## What to produce
Scan the records for "Basin" and copy each line that contains it.

Stored data entries
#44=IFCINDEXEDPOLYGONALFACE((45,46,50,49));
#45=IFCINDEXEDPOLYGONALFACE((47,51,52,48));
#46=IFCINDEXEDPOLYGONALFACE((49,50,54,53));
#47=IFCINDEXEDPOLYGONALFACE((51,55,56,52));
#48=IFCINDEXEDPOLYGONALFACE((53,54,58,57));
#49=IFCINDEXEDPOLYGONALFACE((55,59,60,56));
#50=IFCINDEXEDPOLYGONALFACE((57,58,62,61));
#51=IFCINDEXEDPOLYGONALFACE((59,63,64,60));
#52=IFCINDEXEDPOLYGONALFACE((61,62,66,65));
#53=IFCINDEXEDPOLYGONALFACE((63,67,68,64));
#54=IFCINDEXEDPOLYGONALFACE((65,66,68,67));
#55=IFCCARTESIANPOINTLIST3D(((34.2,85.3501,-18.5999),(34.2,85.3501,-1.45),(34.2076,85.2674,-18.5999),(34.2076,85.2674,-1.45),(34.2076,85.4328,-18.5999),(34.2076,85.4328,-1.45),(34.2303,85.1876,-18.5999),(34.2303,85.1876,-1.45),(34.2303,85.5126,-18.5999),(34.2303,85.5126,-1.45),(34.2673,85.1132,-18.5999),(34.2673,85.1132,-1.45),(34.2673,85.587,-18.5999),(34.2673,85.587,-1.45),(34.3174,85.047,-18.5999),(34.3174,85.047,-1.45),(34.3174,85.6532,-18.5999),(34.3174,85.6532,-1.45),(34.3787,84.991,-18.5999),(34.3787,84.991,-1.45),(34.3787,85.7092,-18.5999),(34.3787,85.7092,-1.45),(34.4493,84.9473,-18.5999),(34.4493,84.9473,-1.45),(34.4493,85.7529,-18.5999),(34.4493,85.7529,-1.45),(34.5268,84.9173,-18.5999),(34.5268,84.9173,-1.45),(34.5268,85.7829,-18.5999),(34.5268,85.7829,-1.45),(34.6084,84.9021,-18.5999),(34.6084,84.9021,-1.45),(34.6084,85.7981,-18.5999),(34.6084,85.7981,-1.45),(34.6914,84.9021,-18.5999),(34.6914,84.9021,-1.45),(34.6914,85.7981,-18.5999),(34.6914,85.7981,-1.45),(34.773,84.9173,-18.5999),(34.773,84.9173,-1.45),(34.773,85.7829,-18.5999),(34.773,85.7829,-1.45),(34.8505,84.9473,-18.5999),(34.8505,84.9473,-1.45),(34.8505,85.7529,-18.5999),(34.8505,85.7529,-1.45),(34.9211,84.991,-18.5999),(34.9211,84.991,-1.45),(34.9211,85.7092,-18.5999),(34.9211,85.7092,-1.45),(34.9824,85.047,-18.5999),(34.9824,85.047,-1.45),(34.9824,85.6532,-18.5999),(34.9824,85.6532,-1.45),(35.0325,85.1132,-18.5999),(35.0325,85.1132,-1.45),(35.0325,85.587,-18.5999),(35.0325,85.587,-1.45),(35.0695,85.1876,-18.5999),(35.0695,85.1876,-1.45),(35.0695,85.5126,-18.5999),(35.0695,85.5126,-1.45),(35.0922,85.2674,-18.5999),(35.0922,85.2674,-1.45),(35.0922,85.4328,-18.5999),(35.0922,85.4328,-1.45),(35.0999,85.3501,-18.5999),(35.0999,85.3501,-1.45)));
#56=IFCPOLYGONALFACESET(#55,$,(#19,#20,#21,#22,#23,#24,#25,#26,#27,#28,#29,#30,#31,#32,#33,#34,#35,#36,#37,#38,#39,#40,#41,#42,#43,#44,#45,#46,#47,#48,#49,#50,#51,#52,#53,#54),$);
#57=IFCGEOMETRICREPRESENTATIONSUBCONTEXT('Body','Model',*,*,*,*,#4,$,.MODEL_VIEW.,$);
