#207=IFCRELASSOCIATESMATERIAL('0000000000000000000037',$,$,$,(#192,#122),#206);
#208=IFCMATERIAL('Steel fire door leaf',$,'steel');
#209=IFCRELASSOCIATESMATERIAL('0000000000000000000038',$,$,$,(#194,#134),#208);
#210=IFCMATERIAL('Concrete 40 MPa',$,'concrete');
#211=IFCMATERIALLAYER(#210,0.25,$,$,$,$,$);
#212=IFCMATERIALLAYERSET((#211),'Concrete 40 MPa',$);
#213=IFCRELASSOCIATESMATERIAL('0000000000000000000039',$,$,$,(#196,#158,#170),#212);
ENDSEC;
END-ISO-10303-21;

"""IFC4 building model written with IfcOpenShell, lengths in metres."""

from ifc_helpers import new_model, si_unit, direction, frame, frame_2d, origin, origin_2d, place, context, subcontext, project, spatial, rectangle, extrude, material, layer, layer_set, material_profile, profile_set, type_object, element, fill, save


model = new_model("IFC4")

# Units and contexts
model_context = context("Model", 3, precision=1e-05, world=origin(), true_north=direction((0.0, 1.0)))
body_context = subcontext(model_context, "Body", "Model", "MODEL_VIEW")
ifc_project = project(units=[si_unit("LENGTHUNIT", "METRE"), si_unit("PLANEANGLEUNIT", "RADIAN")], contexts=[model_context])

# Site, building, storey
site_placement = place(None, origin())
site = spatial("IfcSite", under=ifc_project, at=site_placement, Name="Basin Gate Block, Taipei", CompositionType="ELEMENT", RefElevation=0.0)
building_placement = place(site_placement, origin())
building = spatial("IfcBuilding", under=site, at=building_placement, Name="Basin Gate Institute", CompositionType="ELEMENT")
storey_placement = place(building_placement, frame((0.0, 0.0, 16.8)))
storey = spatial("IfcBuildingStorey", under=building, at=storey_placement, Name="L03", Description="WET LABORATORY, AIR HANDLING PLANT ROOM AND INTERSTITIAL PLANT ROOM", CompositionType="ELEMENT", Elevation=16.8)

## Output for this task
site = spatial("IfcSite", under=ifc_project, at=site_placement, Name="Basin Gate Block, Taipei", CompositionType="ELEMENT", RefElevation=0.0)
building = spatial("IfcBuilding", under=site, at=building_placement, Name="Basin Gate Institute", CompositionType="ELEMENT")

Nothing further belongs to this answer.